Scan the records below for the line with "#22=IFCINDEXEDPOLYGONALFACE((2,10,16,8));" and the line with "#41=IFCINDEXEDPOLYGONALFACE((5,7,8,6));". Repeat those two lines and every line between them exactly, and nothing else.

▸ **Stored items**:
══════════

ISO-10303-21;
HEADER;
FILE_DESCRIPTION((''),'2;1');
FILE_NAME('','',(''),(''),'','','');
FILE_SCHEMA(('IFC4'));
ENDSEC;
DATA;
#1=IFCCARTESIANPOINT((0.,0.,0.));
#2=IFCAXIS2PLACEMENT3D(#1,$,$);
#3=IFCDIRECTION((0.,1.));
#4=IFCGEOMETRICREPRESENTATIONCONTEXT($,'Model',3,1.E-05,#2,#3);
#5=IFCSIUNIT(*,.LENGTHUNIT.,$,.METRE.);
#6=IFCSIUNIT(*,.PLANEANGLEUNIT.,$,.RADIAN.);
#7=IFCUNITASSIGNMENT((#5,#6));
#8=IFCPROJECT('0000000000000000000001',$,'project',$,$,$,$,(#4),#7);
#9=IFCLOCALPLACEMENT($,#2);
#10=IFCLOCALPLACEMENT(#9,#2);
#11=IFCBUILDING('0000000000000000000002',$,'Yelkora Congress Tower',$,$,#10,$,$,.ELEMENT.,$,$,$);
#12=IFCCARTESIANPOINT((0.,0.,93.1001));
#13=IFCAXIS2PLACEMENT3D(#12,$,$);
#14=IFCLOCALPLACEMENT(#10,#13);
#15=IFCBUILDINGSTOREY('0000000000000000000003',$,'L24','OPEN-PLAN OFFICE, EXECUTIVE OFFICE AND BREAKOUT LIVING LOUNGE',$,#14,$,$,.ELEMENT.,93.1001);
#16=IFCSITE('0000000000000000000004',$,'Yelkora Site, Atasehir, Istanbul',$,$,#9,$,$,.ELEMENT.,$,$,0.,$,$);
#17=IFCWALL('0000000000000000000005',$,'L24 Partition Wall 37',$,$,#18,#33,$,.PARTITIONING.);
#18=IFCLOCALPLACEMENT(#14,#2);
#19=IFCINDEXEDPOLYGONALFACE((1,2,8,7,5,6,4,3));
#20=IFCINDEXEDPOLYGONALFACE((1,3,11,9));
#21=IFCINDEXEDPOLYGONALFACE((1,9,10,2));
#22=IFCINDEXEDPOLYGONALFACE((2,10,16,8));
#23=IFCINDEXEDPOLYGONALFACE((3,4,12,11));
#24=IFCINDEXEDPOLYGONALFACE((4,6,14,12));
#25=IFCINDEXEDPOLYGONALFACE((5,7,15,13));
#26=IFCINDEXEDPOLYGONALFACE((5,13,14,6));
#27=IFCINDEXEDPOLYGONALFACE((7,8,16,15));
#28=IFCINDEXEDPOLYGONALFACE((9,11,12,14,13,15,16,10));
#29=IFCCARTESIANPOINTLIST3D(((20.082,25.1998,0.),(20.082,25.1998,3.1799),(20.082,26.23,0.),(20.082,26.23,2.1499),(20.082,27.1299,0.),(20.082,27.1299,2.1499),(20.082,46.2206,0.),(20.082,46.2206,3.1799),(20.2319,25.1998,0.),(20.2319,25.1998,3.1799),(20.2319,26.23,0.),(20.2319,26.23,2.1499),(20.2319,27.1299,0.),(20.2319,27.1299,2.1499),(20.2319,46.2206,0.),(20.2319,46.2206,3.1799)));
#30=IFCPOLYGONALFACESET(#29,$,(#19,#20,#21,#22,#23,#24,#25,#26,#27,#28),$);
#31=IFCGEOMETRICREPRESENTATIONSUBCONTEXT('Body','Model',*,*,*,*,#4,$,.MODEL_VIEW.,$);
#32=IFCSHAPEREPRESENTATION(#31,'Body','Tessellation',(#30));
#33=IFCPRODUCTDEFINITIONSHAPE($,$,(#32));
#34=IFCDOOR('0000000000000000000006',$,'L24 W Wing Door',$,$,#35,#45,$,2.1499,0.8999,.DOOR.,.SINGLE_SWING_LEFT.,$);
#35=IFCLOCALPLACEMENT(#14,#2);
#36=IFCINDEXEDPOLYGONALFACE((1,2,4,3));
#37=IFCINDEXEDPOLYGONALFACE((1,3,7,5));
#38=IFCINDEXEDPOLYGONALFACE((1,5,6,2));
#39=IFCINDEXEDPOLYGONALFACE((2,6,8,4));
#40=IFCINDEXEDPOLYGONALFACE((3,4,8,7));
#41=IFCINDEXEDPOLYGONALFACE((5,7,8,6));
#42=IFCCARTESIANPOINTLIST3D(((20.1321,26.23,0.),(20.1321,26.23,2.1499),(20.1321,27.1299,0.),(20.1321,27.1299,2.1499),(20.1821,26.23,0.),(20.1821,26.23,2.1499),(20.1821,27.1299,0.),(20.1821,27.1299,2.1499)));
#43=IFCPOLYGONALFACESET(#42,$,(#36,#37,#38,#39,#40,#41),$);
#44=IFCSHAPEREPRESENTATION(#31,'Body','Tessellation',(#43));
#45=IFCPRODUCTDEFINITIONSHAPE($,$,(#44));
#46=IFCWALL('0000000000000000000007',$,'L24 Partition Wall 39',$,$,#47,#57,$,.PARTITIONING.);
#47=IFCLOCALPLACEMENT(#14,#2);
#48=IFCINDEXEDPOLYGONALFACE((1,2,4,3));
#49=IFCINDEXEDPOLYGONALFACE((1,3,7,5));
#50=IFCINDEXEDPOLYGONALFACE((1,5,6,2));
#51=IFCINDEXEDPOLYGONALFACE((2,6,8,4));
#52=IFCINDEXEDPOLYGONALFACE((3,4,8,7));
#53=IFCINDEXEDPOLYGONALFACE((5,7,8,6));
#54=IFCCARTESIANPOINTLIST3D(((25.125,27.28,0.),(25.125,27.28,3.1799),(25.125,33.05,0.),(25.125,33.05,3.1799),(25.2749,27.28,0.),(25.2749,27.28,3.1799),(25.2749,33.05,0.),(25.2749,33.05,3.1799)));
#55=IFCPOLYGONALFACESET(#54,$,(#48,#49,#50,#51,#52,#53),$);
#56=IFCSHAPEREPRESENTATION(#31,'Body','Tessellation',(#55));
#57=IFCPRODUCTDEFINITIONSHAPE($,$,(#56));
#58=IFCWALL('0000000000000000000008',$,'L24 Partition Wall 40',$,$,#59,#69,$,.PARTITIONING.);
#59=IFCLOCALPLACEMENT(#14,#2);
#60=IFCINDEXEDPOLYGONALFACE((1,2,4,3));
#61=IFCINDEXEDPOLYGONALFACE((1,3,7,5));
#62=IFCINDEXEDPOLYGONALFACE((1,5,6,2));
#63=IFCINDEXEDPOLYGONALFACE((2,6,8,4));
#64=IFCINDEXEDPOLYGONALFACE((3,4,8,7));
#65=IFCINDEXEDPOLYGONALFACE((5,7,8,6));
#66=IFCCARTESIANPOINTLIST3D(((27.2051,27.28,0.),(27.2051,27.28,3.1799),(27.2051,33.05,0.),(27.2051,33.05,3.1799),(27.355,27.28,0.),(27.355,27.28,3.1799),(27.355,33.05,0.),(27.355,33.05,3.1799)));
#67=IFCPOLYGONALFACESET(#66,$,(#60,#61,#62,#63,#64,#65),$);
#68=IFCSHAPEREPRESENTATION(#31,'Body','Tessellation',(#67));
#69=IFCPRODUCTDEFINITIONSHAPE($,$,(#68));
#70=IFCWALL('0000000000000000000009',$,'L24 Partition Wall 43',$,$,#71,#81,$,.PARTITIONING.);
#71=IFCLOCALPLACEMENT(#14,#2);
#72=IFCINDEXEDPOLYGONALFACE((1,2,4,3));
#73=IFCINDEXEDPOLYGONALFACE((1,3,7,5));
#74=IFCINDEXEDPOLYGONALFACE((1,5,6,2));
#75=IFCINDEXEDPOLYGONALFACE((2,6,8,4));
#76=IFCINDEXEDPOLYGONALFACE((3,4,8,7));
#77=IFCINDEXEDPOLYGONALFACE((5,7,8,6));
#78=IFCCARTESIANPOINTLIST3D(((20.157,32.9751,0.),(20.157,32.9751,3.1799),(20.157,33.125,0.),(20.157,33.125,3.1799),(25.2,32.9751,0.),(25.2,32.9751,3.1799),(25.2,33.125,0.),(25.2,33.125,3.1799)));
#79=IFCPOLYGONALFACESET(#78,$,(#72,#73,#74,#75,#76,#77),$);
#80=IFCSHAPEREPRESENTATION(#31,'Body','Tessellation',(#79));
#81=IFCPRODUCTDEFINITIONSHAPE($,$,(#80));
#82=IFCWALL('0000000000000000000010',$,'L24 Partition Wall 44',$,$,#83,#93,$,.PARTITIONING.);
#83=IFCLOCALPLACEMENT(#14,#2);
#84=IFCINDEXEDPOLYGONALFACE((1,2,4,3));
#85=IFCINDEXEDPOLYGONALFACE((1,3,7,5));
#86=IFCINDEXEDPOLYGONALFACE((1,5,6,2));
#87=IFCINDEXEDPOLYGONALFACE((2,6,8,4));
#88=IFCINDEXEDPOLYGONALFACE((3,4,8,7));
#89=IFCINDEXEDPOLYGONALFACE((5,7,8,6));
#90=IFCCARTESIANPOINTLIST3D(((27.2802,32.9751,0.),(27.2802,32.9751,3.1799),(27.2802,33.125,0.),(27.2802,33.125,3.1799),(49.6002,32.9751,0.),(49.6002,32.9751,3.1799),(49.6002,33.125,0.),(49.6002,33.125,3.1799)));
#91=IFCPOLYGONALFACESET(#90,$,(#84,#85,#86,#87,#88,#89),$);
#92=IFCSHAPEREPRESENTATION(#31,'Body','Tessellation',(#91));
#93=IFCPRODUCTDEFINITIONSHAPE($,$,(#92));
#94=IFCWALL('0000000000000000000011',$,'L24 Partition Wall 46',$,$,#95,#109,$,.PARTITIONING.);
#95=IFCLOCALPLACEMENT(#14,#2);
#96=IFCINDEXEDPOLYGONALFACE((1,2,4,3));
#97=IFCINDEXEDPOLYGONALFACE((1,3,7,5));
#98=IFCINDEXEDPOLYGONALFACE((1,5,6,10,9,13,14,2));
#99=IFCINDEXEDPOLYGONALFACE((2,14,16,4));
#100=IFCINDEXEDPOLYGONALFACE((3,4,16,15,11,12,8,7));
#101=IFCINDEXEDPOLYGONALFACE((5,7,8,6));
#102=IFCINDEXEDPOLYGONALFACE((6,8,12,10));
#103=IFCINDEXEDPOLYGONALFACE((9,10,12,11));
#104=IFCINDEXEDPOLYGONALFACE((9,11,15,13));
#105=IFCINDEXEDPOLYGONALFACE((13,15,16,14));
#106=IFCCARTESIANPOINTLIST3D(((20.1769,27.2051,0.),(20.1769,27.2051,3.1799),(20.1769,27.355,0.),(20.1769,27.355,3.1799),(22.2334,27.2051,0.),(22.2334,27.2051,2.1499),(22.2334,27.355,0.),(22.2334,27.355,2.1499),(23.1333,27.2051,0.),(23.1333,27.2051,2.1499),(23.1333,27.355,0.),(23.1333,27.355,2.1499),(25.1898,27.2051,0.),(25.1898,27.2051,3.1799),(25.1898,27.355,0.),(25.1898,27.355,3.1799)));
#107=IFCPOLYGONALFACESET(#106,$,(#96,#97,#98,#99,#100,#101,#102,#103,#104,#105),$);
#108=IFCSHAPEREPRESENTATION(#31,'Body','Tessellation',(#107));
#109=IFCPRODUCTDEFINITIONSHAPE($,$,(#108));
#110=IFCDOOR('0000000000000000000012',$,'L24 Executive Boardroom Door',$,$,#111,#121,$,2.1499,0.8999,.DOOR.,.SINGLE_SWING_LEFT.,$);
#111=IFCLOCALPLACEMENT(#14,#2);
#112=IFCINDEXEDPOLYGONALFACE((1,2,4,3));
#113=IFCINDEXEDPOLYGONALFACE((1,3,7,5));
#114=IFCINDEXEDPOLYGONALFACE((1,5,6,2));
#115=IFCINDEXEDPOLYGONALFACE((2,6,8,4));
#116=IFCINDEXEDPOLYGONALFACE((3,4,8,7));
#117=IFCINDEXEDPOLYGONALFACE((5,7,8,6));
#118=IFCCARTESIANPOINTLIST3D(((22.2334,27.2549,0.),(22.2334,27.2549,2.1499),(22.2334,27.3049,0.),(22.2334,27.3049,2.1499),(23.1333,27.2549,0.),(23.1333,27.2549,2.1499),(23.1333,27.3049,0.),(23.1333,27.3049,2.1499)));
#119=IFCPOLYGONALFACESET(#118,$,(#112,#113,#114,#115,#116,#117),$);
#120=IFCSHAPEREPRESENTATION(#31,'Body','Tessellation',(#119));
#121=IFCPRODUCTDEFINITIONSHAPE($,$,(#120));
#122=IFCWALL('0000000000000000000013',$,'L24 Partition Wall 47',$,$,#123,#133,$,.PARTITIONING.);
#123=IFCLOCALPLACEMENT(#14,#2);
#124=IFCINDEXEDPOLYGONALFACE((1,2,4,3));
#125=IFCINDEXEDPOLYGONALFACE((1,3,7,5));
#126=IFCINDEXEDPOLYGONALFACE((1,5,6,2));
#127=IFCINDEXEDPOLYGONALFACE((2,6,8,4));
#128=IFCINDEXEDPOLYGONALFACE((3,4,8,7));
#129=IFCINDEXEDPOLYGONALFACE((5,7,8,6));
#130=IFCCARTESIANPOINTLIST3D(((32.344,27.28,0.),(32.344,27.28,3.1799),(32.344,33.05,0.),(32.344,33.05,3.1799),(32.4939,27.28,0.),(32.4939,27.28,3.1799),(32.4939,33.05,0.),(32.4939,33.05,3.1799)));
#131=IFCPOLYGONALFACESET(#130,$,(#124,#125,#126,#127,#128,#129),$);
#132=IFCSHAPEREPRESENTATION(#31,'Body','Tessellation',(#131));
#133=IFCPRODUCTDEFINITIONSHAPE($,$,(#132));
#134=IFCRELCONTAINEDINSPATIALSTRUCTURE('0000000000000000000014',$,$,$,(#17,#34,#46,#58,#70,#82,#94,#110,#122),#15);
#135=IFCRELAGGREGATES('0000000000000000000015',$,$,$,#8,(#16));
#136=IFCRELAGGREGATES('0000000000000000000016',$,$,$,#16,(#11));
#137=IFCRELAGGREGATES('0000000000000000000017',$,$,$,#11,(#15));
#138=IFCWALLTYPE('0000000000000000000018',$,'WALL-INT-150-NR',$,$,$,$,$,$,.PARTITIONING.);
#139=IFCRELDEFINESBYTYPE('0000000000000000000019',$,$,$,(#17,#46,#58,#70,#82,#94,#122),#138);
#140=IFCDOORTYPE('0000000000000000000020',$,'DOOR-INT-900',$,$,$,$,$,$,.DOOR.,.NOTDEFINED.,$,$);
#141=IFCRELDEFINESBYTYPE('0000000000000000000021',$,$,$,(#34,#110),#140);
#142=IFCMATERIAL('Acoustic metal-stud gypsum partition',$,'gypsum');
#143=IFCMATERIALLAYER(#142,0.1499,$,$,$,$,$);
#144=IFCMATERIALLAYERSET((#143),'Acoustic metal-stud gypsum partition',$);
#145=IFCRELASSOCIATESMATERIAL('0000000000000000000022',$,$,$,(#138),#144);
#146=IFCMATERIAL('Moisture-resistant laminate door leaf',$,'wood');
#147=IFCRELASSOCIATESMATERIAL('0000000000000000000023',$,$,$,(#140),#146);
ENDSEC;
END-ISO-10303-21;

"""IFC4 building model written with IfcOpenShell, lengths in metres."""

from ifc_helpers import new_model, si_unit, direction, frame, frame_2d, origin, place, context, subcontext, project, spatial, rectangle, extrude, material, layer, layer_set, type_object, element, fill, save


model = new_model("IFC4")

# Units and contexts
model_context = context("Model", 3, precision=1e-05, world=origin(), true_north=direction((0.0, 1.0)))
body_context = subcontext(model_context, "Body", "Model", "MODEL_VIEW")
ifc_project = project(units=[si_unit("LENGTHUNIT", "METRE"), si_unit("PLANEANGLEUNIT", "RADIAN")], contexts=[model_context])

# Site, building, storey
site_placement = place(None, origin())
site = spatial("IfcSite", under=ifc_project, at=site_placement, Name="Yelkora Site, Atasehir, Istanbul", CompositionType="ELEMENT", RefElevation=0.0)
building_placement = place(site_placement, origin())
building = spatial("IfcBuilding", under=site, at=building_placement, Name="Yelkora Congress Tower", CompositionType="ELEMENT")
storey_placement = place(building_placement, frame((0.0, 0.0, 93.1001)))
storey = spatial("IfcBuildingStorey", under=building, at=storey_placement, Name="L24", Description="OPEN-PLAN OFFICE, EXECUTIVE OFFICE AND BREAKOUT LIVING LOUNGE", CompositionType="ELEMENT", Elevation=93.1001)

# Wall, opening, door
ifc_material_1 = material(Name="Acoustic metal-stud gypsum partition", Category="gypsum")
ifc_layer = layer(ifc_material_1, 0.1499)
ifc_layer_set = layer_set([ifc_layer], Name="Acoustic metal-stud gypsum partition")
wall_type = type_object("IfcWallType", Name="WALL-INT-150-NR", PredefinedType="PARTITIONING", material=ifc_layer_set)
wall_1_placement = place(storey_placement, frame((20.157, 25.2, 0.0), z_axis=(0.0, 0.0, 1.0), x_axis=(0.0, 1.0, 0.0)))
wall_1 = element("IfcWall", 1, at=wall_1_placement, inside=storey, type_object=wall_type, Name="L24 Partition Wall 37", PredefinedType="PARTITIONING", context=body_context, shape_type="SweptSolid", body=[
    extrude(rectangle(XDim=21.0208, YDim=0.1499, at=frame_2d((10.5103, 0.0))), origin(), (0.0, 0.0, 1.0), 3.1799),
])
opening_1_placement = place(wall_1_placement, frame((1.03, 0.0, 0.0)))
opening_1 = element("IfcOpeningElement", 2, at=opening_1_placement, cuts=wall_1, PredefinedType="OPENING", context=body_context, shape_type="SweptSolid", body=[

══════════

▸ **RESULT OF THIS EXERCISE**:
#22=IFCINDEXEDPOLYGONALFACE((2,10,16,8));
#23=IFCINDEXEDPOLYGONALFACE((3,4,12,11));
#24=IFCINDEXEDPOLYGONALFACE((4,6,14,12));
#25=IFCINDEXEDPOLYGONALFACE((5,7,15,13));
#26=IFCINDEXEDPOLYGONALFACE((5,13,14,6));
#27=IFCINDEXEDPOLYGONALFACE((7,8,16,15));
#28=IFCINDEXEDPOLYGONALFACE((9,11,12,14,13,15,16,10));
#29=IFCCARTESIANPOINTLIST3D(((20.082,25.1998,0.),(20.082,25.1998,3.1799),(20.082,26.23,0.),(20.082,26.23,2.1499),(20.082,27.1299,0.),(20.082,27.1299,2.1499),(20.082,46.2206,0.),(20.082,46.2206,3.1799),(20.2319,25.1998,0.),(20.2319,25.1998,3.1799),(20.2319,26.23,0.),(20.2319,26.23,2.1499),(20.2319,27.1299,0.),(20.2319,27.1299,2.1499),(20.2319,46.2206,0.),(20.2319,46.2206,3.1799)));
#30=IFCPOLYGONALFACESET(#29,$,(#19,#20,#21,#22,#23,#24,#25,#26,#27,#28),$);
#31=IFCGEOMETRICREPRESENTATIONSUBCONTEXT('Body','Model',*,*,*,*,#4,$,.MODEL_VIEW.,$);
#32=IFCSHAPEREPRESENTATION(#31,'Body','Tessellation',(#30));
#33=IFCPRODUCTDEFINITIONSHAPE($,$,(#32));
#34=IFCDOOR('0000000000000000000006',$,'L24 W Wing Door',$,$,#35,#45,$,2.1499,0.8999,.DOOR.,.SINGLE_SWING_LEFT.,$);
#35=IFCLOCALPLACEMENT(#14,#2);
#36=IFCINDEXEDPOLYGONALFACE((1,2,4,3));
#37=IFCINDEXEDPOLYGONALFACE((1,3,7,5));
#38=IFCINDEXEDPOLYGONALFACE((1,5,6,2));
#39=IFCINDEXEDPOLYGONALFACE((2,6,8,4));
#40=IFCINDEXEDPOLYGONALFACE((3,4,8,7));
#41=IFCINDEXEDPOLYGONALFACE((5,7,8,6));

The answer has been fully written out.